== Segment start ==

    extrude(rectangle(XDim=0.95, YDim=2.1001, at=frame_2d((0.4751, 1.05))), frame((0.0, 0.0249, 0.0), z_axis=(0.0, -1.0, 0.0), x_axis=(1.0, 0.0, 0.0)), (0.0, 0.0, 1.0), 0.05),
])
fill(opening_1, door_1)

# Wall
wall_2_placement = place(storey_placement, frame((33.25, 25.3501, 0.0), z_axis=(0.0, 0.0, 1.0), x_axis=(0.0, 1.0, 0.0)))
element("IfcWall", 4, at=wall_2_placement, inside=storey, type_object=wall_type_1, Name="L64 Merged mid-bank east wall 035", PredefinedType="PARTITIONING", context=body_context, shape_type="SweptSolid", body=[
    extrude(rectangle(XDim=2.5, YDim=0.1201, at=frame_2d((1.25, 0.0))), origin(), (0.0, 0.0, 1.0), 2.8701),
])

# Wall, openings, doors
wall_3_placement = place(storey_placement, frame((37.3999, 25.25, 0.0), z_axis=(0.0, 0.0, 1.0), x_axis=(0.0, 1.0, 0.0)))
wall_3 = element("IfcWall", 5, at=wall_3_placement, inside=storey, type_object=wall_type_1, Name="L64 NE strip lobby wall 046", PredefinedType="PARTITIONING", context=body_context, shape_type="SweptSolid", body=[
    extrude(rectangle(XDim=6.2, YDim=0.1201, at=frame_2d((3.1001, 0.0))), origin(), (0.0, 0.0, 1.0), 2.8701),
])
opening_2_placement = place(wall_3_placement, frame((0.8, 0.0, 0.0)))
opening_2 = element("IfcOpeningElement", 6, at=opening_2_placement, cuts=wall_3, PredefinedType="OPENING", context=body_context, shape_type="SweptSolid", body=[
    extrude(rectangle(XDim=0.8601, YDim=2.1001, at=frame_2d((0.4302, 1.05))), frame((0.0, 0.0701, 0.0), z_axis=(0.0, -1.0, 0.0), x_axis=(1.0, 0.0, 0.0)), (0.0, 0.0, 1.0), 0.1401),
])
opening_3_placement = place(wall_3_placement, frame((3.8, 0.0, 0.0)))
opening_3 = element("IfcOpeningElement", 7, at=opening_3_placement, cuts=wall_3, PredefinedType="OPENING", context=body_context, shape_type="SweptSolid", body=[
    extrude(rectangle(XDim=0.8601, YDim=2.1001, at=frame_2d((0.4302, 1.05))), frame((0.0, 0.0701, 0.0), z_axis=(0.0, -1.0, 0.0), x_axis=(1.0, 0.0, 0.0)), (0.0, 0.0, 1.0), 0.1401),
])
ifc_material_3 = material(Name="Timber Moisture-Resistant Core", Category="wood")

== Segment end ==
== Segment start ==

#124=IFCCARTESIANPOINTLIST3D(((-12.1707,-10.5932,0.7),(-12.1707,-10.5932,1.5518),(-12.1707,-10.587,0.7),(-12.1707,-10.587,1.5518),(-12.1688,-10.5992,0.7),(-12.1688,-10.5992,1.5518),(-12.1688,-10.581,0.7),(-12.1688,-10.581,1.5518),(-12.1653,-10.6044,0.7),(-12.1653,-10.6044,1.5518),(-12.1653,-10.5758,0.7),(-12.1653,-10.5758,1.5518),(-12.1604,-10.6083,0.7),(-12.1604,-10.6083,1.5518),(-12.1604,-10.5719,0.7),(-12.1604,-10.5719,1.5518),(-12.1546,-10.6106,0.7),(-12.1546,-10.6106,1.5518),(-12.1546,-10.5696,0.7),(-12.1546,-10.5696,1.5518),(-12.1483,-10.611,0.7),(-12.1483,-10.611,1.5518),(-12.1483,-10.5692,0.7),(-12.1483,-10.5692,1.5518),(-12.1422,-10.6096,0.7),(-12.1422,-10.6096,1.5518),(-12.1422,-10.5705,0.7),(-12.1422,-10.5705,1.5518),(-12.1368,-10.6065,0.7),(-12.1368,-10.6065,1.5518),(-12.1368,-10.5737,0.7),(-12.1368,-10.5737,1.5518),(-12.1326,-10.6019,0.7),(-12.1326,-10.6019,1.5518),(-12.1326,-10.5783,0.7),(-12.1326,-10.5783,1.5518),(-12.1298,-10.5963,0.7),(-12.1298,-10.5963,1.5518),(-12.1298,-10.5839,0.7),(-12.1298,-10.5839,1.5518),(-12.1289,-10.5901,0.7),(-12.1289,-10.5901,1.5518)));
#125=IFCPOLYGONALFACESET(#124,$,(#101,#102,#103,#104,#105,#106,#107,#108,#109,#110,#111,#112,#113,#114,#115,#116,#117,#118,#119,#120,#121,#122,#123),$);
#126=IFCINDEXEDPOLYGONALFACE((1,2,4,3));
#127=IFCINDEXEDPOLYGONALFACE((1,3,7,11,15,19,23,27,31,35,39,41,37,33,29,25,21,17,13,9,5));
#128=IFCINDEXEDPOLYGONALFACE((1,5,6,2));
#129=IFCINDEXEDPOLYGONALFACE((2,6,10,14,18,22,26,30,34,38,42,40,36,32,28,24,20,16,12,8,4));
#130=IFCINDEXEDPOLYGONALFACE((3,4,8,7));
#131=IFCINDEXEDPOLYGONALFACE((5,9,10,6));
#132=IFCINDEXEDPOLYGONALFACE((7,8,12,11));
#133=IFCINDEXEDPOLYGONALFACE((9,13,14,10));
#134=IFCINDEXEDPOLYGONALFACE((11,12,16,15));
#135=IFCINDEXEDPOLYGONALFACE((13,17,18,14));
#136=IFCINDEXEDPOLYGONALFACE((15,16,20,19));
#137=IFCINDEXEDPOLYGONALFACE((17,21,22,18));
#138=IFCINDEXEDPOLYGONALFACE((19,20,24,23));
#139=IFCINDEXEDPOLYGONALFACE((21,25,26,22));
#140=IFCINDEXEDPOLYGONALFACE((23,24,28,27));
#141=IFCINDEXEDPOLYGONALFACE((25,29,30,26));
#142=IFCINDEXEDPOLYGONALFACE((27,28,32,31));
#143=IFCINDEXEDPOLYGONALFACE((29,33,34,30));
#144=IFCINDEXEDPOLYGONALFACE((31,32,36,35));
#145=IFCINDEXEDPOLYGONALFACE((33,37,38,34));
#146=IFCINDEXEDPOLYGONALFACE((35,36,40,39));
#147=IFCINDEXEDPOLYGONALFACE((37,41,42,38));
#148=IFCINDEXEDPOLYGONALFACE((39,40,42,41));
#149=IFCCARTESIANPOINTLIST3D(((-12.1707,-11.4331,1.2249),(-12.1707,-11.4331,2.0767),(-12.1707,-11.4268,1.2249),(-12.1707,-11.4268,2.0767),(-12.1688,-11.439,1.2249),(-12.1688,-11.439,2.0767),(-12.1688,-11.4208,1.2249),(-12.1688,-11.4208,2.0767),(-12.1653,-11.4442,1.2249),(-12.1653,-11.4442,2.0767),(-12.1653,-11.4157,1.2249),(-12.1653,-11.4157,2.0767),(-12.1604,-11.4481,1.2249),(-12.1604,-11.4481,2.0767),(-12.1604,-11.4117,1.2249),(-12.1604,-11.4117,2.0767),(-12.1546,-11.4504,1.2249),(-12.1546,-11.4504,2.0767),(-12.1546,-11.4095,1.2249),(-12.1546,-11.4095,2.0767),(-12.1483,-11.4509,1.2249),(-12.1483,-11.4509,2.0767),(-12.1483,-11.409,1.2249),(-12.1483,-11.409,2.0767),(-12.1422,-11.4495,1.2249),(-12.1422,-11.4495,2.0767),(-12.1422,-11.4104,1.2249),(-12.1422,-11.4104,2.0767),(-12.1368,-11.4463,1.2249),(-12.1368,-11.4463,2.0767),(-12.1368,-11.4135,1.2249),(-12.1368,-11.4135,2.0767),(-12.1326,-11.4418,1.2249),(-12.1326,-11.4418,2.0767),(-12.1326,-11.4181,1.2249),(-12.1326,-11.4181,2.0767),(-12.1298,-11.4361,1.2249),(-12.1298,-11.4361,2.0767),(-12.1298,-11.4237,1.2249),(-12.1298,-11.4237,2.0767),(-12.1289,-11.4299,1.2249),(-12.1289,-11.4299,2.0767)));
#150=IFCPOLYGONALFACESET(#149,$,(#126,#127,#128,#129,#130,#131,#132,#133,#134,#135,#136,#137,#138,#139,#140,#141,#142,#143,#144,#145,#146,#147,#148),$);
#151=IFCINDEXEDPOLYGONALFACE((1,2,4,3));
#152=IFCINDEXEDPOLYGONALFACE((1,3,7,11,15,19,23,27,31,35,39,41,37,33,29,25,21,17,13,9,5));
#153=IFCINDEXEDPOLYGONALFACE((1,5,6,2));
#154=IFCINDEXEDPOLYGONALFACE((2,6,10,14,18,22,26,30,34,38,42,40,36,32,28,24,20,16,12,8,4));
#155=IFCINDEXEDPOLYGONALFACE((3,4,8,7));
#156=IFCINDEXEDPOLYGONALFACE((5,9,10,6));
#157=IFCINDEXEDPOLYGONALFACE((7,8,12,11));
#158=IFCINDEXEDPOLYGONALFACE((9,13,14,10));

== Segment end ==

*EXERCISE*
Using the records above, set down exactly the lines from the one with "#137=IFCINDEXEDPOLYGONALFACE((17,21,22,18));" through the one with "#144=IFCINDEXEDPOLYGONALFACE((31,32,36,35));", inclusive, and nothing more.

*EXERCISE ANSWER*
#137=IFCINDEXEDPOLYGONALFACE((17,21,22,18));
#138=IFCINDEXEDPOLYGONALFACE((19,20,24,23));
#139=IFCINDEXEDPOLYGONALFACE((21,25,26,22));
#140=IFCINDEXEDPOLYGONALFACE((23,24,28,27));
#141=IFCINDEXEDPOLYGONALFACE((25,29,30,26));
#142=IFCINDEXEDPOLYGONALFACE((27,28,32,31));
#143=IFCINDEXEDPOLYGONALFACE((29,33,34,30));
#144=IFCINDEXEDPOLYGONALFACE((31,32,36,35));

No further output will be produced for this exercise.